Instruction for the entries that follow: retype exactly the lines from the line with "#90=IFCINDEXEDPOLYGONALFACE((33,37,38,34));" to the line with "#93=IFCINDEXEDPOLYGONALFACE((39,40,42,41));", both included, and omit all others.

- DATA EXTRACT:

○ ○ ○

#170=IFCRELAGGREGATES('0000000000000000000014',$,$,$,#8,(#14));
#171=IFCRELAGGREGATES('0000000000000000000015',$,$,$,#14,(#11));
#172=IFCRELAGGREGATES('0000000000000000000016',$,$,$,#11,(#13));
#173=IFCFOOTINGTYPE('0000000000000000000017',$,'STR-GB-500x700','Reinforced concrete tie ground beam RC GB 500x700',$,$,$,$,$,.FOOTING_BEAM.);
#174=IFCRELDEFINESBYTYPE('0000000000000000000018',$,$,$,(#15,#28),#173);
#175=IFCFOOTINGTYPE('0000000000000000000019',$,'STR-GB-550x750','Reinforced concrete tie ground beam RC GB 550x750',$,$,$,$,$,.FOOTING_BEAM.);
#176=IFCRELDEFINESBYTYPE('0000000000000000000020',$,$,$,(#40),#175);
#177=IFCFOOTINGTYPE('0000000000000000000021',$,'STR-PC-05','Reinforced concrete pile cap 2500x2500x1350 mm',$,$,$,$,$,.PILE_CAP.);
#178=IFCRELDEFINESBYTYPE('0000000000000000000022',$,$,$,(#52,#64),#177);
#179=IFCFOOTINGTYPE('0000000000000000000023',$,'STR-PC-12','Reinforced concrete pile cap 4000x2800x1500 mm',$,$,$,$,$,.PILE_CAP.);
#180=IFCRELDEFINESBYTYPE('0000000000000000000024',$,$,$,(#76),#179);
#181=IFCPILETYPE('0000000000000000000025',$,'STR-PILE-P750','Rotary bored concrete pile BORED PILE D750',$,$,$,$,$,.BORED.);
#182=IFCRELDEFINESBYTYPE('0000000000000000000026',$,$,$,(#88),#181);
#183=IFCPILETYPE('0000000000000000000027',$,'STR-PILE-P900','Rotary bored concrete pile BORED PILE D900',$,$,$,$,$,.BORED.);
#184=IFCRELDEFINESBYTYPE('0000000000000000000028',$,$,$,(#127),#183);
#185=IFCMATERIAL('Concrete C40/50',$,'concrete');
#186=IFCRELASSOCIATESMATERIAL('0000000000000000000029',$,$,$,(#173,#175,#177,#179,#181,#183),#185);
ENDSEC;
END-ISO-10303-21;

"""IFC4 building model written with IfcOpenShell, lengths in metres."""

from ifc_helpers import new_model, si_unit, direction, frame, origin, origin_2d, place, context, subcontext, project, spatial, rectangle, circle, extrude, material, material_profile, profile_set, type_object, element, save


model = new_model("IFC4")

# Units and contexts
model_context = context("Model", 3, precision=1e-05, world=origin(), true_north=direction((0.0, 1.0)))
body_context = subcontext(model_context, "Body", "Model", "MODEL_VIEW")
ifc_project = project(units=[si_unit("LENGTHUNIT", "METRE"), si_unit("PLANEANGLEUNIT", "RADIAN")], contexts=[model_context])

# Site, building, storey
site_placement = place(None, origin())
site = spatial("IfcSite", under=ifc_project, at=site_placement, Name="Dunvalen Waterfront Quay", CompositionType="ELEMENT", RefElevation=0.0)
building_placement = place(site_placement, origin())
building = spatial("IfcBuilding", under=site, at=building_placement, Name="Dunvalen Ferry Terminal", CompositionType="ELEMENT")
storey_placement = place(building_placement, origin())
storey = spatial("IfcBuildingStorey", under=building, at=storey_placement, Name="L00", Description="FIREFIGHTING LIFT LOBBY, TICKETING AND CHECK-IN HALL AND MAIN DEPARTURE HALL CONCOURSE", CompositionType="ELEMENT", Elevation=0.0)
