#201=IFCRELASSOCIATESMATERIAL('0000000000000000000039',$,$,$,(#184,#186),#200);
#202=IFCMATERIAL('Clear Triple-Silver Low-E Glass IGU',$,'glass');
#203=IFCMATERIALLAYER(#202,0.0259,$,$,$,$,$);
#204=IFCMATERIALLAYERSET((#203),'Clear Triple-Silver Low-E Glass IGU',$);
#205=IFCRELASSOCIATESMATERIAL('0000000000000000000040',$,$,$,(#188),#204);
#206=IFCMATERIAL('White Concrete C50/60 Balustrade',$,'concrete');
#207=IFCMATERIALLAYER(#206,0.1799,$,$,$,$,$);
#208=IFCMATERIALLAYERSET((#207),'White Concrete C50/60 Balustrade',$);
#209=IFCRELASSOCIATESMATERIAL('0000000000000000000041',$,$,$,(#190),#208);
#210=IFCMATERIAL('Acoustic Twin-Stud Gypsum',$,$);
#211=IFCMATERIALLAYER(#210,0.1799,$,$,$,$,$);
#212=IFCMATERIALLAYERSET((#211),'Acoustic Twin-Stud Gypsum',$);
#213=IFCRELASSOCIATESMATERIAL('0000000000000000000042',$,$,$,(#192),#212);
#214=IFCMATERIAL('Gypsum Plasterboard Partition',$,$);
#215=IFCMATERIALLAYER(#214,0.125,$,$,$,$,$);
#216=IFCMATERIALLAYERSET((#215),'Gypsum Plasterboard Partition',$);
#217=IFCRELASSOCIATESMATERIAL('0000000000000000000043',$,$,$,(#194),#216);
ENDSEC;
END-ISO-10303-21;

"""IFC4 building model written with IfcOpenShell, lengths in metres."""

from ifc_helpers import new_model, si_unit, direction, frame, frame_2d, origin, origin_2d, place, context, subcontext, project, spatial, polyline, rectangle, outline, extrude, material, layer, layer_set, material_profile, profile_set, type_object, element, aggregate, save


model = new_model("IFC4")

○ ○ ○

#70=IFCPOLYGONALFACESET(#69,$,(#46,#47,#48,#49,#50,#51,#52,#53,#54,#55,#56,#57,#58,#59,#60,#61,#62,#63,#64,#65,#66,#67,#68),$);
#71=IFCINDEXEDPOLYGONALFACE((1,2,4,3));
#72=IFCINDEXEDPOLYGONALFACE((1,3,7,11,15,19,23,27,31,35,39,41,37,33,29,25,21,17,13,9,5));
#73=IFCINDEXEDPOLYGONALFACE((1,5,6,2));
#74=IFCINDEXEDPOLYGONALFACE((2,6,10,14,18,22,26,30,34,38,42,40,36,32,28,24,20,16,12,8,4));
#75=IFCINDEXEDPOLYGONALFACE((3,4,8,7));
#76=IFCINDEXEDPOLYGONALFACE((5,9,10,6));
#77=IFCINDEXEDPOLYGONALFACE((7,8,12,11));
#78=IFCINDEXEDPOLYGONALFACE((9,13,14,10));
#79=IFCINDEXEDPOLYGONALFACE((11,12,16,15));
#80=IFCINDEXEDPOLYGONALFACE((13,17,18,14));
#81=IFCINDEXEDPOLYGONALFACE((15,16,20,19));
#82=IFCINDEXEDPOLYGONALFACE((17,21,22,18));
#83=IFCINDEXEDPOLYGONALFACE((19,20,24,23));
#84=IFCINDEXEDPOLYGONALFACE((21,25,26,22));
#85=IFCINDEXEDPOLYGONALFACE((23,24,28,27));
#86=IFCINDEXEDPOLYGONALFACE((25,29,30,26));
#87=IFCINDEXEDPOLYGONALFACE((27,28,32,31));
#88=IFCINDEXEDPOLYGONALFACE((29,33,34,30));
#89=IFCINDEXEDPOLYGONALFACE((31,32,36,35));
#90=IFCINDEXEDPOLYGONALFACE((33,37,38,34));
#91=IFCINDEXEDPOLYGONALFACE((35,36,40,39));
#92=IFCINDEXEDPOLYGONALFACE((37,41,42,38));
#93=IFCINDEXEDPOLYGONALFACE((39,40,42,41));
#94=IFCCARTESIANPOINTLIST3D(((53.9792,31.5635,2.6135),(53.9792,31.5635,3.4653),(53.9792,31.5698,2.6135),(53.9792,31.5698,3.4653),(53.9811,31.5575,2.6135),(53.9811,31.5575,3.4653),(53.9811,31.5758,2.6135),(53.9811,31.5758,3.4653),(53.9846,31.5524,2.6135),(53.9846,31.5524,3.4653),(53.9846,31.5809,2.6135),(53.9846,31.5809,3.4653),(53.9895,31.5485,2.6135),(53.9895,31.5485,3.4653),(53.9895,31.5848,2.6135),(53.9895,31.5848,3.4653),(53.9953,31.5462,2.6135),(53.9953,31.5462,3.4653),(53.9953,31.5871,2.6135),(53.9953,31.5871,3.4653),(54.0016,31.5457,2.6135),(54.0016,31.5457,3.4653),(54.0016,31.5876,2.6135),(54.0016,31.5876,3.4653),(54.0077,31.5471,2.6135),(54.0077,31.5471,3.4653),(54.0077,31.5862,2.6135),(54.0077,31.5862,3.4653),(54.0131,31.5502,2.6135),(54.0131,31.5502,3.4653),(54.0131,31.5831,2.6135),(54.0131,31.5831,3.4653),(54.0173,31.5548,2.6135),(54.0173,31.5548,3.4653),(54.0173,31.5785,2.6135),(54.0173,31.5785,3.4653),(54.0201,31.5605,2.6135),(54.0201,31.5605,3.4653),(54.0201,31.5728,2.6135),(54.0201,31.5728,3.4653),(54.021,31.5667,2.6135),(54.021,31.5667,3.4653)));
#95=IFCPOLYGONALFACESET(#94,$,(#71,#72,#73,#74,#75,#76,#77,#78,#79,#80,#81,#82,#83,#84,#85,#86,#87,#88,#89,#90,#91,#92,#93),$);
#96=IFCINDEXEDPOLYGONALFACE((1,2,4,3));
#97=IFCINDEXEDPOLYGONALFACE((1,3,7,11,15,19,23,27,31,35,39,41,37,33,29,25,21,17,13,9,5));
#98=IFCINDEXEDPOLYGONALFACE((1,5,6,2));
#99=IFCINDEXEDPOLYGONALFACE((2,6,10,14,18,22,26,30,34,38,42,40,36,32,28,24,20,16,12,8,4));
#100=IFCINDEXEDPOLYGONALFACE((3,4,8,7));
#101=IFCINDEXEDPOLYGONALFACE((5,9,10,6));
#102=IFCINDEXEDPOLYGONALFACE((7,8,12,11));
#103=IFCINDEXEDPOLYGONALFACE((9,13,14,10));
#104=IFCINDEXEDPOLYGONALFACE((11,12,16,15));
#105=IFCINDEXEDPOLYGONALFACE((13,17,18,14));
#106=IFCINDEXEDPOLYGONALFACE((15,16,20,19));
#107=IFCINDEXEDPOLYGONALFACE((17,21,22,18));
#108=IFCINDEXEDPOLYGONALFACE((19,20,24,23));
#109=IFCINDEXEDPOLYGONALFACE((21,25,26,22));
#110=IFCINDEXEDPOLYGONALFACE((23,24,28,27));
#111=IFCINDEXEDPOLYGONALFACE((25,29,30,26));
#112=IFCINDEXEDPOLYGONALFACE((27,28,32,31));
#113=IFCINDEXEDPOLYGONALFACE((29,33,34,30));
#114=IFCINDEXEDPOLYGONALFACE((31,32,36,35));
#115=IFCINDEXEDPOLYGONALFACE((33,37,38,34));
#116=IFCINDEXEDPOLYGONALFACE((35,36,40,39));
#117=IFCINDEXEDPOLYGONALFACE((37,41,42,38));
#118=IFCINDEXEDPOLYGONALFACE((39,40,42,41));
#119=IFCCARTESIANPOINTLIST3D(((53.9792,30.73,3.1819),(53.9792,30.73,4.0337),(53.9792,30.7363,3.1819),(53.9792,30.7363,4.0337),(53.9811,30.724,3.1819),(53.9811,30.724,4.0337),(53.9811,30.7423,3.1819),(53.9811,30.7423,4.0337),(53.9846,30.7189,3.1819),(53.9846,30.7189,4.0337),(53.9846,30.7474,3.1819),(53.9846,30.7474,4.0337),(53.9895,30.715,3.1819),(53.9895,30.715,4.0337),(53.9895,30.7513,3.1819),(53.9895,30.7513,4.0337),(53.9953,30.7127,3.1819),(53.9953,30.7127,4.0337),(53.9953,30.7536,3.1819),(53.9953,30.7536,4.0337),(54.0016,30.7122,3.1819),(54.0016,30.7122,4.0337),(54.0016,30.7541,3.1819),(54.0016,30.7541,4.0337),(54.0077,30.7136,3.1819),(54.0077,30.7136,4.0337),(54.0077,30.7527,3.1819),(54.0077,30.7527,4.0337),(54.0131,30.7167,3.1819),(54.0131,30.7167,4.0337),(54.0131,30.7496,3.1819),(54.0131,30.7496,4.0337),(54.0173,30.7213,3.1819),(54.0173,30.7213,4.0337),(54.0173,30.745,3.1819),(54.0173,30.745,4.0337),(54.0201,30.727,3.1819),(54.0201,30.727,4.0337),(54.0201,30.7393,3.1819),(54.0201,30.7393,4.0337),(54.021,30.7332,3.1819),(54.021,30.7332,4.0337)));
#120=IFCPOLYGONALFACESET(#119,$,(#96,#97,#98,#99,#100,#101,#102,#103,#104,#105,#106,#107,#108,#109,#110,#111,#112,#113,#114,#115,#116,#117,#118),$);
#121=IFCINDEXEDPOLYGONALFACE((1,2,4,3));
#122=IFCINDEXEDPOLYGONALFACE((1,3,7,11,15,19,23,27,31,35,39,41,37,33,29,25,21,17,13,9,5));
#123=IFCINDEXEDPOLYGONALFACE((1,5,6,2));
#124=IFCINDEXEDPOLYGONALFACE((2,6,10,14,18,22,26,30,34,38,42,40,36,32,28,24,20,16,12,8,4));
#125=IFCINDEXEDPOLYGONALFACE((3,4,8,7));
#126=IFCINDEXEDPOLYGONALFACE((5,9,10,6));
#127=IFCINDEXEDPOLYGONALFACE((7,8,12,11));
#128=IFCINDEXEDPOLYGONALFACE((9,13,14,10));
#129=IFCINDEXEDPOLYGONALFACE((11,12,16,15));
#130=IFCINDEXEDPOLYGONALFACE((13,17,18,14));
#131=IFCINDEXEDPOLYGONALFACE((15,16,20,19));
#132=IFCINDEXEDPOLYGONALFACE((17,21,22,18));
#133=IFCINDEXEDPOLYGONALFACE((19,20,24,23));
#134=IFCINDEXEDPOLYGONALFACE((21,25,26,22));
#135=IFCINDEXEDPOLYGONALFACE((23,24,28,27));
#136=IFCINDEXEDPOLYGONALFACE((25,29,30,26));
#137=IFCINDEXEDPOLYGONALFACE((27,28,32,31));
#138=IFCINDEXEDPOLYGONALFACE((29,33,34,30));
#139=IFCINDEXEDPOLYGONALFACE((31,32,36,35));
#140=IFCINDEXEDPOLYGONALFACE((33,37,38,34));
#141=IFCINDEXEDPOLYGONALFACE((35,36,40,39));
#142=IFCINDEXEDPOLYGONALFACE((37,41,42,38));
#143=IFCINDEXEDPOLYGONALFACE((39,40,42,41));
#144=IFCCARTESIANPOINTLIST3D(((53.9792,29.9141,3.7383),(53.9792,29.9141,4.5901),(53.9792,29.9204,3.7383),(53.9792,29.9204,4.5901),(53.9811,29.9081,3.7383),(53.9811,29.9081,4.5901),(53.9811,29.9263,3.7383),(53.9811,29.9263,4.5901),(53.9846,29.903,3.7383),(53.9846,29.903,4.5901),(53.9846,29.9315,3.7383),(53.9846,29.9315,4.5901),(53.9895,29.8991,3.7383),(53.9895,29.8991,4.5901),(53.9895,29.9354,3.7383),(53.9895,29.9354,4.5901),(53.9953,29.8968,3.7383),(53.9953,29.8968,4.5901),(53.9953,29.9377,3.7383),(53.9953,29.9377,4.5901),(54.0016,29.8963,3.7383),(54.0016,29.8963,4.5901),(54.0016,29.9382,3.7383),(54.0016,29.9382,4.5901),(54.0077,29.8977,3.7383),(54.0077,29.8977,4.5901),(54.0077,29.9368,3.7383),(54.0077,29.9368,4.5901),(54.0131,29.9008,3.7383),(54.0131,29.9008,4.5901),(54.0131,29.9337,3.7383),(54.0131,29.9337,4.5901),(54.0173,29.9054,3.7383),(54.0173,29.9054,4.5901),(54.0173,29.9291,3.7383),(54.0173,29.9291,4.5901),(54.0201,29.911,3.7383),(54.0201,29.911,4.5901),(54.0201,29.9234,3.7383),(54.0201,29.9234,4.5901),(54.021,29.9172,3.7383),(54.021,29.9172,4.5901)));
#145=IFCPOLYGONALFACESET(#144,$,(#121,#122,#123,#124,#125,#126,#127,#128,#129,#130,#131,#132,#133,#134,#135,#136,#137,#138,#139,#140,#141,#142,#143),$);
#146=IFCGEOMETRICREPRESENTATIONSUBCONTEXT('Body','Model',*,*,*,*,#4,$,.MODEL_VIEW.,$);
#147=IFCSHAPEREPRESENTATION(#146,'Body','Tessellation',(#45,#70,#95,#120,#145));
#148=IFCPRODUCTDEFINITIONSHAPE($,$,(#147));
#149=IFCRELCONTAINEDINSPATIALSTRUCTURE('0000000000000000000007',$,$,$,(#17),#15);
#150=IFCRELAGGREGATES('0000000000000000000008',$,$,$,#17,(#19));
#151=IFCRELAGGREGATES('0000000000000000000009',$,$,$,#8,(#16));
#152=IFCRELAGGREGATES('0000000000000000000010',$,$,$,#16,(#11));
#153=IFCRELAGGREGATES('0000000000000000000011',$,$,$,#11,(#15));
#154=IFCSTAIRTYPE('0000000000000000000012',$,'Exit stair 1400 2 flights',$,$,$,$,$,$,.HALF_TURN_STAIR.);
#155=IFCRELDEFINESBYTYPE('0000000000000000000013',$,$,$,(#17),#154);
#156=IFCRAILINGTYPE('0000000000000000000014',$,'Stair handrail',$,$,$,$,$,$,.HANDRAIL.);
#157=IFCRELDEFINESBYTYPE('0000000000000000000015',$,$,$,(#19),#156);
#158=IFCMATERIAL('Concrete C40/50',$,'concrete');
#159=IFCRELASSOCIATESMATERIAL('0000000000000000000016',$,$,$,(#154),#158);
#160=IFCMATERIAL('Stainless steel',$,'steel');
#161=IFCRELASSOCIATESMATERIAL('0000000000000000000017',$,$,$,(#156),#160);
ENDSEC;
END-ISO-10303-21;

○ ○ ○

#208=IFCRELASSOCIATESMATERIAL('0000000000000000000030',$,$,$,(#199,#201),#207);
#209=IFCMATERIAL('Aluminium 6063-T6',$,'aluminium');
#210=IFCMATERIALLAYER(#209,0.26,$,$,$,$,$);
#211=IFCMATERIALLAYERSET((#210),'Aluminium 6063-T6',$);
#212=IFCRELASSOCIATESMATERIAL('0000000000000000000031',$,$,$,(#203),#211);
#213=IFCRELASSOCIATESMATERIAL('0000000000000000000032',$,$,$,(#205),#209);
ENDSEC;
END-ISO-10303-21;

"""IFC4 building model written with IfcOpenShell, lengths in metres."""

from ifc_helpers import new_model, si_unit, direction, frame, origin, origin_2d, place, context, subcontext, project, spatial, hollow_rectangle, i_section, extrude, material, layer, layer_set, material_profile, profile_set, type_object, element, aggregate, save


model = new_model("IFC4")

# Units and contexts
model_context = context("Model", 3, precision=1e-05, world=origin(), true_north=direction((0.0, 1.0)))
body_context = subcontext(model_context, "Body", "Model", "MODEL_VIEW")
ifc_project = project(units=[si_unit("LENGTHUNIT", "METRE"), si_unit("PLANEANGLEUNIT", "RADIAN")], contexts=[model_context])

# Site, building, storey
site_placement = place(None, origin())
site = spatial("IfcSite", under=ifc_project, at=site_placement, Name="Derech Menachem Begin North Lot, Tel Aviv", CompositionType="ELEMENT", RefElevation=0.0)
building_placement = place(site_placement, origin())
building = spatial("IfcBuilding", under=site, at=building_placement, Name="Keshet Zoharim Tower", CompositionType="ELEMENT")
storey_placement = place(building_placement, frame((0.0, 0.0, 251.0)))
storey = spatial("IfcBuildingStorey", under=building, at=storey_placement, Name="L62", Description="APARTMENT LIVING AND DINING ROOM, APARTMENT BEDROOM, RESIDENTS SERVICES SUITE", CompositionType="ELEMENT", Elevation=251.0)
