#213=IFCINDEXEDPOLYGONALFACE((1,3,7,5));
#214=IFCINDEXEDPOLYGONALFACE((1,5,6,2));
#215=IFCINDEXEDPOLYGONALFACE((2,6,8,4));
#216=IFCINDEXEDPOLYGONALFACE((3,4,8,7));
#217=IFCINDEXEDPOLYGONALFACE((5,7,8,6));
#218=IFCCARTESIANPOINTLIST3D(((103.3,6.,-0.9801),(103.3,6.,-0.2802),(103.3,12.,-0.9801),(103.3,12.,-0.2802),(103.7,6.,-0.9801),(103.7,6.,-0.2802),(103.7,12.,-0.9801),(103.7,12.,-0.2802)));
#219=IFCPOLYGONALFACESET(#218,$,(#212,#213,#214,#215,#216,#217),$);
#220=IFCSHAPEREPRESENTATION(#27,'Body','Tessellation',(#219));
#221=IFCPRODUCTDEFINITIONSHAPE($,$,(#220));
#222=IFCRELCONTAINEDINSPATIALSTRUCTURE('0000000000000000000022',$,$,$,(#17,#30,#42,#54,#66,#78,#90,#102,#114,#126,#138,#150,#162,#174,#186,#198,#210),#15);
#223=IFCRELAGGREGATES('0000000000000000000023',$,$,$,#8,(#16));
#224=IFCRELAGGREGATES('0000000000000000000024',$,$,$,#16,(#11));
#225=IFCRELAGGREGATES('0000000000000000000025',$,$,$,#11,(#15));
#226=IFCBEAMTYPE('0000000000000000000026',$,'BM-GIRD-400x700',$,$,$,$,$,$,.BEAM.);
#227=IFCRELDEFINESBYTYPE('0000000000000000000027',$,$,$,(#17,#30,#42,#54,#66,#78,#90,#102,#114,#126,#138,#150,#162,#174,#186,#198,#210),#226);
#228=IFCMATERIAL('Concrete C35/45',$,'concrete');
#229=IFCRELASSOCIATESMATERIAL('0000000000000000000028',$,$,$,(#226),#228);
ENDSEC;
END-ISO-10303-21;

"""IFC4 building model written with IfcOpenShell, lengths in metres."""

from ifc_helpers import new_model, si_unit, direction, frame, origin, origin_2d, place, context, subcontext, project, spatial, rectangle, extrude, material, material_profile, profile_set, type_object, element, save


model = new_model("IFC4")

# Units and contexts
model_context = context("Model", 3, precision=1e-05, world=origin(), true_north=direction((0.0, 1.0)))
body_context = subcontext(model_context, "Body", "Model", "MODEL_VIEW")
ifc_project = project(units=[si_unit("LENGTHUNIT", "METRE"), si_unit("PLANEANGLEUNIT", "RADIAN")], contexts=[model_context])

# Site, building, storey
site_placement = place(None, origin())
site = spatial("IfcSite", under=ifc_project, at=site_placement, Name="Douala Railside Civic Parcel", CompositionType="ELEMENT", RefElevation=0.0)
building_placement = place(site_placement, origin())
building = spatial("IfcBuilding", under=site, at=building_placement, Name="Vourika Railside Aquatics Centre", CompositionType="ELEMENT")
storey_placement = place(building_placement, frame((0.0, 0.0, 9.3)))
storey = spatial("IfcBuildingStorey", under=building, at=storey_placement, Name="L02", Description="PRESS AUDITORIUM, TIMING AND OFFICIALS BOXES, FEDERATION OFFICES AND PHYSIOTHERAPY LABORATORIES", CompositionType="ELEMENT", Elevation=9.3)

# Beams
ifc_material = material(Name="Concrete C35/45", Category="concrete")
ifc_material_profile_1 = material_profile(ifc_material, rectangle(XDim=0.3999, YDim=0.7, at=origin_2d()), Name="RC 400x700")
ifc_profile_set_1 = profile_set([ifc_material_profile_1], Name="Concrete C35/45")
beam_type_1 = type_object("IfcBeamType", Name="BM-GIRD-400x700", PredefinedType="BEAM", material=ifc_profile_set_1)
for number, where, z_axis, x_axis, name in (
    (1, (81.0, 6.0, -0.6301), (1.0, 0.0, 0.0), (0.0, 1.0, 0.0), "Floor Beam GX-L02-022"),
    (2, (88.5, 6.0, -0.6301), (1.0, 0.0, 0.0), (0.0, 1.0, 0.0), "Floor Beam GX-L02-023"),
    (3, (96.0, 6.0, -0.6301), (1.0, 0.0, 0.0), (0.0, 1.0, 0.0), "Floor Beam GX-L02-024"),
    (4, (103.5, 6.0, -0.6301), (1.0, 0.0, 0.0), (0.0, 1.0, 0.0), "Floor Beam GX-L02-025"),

○ ○ ○

- SOLUTION:
#90=IFCINDEXEDPOLYGONALFACE((33,37,38,34));
#91=IFCINDEXEDPOLYGONALFACE((35,36,40,39));
#92=IFCINDEXEDPOLYGONALFACE((37,41,42,38));
#93=IFCINDEXEDPOLYGONALFACE((39,40,42,41));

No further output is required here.